**RECORDED INFORMATION:**
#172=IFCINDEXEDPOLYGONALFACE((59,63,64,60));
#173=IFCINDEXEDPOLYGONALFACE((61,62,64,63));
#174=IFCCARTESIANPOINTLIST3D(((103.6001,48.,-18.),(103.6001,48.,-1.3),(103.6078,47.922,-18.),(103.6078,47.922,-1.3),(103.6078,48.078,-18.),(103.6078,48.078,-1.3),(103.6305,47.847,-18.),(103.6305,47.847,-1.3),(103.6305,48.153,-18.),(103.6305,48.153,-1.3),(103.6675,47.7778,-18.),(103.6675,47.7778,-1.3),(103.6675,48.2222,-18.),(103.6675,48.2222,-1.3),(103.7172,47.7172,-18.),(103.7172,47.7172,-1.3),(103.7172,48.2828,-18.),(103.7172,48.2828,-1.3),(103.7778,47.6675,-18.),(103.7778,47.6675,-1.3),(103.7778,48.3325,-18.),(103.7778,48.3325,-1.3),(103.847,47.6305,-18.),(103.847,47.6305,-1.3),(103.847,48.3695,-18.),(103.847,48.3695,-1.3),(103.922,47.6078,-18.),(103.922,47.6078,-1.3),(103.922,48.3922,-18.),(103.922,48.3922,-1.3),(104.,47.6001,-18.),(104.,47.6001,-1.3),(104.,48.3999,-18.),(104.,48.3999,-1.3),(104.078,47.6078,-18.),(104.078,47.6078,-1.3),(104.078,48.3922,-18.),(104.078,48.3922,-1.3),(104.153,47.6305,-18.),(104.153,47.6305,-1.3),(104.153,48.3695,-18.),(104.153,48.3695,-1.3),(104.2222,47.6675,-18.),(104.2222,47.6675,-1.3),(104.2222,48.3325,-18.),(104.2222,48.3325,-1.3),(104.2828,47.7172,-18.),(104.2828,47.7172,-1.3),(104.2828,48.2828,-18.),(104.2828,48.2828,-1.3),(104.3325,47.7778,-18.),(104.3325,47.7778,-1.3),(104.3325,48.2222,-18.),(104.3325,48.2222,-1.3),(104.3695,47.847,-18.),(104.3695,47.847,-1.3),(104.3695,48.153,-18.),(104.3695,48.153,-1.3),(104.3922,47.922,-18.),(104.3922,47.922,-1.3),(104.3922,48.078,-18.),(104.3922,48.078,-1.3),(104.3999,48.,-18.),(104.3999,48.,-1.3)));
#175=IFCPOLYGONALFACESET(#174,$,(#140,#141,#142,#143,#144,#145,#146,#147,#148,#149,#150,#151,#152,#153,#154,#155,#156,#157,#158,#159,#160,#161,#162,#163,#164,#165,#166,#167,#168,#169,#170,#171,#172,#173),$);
---
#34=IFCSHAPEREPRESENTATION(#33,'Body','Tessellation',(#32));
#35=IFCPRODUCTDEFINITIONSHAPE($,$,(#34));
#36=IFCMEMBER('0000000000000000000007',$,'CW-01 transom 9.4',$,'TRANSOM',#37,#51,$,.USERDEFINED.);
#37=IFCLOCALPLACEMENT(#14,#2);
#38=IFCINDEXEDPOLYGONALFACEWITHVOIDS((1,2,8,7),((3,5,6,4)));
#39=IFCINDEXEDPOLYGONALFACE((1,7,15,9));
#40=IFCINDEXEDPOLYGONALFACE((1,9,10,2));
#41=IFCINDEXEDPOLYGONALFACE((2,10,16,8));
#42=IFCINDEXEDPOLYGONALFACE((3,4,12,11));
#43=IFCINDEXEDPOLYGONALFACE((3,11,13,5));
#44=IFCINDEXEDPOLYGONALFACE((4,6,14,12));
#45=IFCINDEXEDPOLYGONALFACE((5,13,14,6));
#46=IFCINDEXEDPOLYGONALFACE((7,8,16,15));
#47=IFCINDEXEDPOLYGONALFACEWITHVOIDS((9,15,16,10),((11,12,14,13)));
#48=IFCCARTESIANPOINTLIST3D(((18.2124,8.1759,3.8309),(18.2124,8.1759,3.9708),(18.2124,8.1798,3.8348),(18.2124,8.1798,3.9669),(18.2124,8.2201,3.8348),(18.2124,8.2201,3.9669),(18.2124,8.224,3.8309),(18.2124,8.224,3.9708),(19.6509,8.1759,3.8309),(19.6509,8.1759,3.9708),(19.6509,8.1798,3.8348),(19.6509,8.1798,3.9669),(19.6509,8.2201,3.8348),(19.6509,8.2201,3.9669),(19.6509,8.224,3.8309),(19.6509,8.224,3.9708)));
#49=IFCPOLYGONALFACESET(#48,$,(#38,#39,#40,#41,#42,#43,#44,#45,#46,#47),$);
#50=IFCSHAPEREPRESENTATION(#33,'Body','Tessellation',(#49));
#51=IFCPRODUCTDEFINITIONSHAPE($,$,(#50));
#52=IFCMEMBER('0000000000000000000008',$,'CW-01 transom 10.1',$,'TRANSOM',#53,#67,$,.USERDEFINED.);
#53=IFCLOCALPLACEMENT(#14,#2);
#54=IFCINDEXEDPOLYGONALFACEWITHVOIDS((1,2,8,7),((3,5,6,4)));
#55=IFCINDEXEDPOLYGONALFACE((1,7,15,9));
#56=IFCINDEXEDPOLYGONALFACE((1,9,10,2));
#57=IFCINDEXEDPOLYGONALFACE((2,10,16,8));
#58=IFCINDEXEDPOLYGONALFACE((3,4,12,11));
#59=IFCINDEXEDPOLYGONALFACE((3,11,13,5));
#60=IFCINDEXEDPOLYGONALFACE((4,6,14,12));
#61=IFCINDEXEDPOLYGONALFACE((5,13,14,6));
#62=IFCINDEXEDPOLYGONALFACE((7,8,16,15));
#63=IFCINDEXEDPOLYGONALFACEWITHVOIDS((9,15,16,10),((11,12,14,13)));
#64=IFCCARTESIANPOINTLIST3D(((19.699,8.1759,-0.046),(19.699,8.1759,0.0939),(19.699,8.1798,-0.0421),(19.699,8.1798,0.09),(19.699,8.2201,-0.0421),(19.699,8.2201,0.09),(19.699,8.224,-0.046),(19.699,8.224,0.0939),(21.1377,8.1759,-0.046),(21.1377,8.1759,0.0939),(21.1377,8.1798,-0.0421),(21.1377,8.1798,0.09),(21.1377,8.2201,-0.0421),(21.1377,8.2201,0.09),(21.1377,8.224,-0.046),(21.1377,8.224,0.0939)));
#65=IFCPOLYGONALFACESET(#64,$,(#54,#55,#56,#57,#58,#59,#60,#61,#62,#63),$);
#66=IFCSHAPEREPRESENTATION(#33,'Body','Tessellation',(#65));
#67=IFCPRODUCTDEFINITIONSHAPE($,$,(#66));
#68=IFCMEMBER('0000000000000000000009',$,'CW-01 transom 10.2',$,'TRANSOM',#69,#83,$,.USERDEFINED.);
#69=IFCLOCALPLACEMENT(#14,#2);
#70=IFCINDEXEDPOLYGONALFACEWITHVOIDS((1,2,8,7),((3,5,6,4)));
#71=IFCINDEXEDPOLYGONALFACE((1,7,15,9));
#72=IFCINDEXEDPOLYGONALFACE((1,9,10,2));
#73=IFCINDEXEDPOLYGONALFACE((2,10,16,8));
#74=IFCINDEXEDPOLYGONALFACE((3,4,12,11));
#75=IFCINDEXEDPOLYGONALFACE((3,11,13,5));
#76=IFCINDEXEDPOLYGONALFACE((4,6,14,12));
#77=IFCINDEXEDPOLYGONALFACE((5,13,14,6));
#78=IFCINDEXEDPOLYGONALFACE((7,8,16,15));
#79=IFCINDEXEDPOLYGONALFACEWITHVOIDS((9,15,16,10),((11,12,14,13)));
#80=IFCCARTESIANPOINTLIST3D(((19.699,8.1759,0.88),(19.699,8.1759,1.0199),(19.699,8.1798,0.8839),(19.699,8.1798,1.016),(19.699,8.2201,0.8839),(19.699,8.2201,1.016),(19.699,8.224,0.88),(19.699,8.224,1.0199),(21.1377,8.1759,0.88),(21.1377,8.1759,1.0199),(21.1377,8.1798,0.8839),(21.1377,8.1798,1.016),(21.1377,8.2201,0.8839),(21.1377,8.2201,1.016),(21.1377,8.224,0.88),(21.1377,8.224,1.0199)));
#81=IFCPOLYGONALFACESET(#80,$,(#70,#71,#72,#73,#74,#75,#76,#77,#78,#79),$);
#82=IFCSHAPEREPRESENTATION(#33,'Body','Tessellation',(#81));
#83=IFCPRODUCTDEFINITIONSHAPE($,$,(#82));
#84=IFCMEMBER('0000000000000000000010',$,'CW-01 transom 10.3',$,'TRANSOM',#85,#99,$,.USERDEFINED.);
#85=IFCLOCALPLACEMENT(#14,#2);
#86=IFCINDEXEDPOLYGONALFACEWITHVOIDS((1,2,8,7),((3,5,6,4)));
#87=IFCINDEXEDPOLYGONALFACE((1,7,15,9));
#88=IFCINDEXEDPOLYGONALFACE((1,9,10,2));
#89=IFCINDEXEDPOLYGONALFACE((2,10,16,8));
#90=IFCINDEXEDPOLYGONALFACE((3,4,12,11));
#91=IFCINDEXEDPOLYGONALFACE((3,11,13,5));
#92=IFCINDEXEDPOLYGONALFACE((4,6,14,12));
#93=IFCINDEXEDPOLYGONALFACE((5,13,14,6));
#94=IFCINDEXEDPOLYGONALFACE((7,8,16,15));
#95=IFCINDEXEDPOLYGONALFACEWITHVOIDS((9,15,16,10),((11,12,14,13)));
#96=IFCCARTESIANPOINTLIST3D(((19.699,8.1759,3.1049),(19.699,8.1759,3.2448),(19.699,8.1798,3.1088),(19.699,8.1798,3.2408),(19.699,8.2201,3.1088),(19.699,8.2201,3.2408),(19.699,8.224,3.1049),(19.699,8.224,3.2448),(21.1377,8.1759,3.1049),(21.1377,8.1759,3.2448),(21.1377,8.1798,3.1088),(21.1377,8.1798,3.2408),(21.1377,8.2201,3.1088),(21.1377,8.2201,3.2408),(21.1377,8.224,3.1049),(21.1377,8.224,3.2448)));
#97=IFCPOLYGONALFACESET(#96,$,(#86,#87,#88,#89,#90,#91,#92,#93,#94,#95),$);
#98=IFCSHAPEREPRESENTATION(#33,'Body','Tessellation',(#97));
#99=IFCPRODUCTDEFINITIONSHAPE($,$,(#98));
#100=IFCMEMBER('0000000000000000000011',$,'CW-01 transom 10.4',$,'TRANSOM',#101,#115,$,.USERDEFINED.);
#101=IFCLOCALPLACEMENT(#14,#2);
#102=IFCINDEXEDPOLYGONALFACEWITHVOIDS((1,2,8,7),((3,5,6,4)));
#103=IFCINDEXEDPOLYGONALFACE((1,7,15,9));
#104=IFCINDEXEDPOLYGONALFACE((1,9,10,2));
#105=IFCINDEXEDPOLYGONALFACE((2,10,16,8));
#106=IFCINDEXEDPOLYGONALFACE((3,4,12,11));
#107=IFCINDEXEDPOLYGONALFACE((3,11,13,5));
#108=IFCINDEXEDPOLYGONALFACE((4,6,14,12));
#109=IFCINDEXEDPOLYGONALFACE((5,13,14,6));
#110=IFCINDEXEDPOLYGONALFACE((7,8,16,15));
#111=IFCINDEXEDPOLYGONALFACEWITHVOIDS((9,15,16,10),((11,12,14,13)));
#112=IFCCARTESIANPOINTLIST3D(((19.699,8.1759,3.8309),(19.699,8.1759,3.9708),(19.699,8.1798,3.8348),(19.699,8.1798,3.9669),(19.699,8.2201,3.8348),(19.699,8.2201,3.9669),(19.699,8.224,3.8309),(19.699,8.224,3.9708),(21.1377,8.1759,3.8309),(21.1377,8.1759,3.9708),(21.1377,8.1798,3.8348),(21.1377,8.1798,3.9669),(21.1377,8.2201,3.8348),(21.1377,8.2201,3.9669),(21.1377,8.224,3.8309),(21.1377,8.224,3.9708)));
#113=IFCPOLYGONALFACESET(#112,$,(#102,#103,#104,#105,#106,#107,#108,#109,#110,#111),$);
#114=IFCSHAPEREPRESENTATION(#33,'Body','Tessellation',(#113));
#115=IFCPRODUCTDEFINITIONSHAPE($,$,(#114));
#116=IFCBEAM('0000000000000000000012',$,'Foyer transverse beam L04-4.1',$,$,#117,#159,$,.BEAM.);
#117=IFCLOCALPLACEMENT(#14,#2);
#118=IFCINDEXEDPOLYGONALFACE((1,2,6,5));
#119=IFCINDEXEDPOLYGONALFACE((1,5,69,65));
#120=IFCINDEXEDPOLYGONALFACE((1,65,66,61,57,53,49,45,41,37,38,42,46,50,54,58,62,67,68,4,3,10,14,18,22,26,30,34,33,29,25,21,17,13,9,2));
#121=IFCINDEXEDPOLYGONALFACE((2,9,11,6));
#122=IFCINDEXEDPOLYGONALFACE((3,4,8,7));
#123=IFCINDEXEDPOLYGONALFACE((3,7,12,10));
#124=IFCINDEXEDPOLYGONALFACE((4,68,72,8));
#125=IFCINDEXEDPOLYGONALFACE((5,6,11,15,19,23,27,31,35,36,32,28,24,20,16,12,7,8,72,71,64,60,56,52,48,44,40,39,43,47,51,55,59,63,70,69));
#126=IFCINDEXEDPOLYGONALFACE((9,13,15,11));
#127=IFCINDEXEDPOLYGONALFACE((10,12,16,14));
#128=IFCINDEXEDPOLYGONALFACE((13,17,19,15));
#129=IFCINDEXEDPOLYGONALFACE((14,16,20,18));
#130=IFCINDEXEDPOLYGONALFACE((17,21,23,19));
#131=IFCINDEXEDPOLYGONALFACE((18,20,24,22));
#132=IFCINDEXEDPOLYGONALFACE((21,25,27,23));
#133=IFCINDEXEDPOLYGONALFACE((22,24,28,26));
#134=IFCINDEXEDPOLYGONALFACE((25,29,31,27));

**ASSIGNMENT:**
When the line with "#172=IFCINDEXEDPOLYGONALFACE((59,63,64,60));" is reached in the data above, start copying there, and copy each line exactly until the line with "#173=IFCINDEXEDPOLYGONALFACE((61,62,64,63));" has been copied; copy nothing else.

**SOLUTION:**
#172=IFCINDEXEDPOLYGONALFACE((59,63,64,60));
#173=IFCINDEXEDPOLYGONALFACE((61,62,64,63));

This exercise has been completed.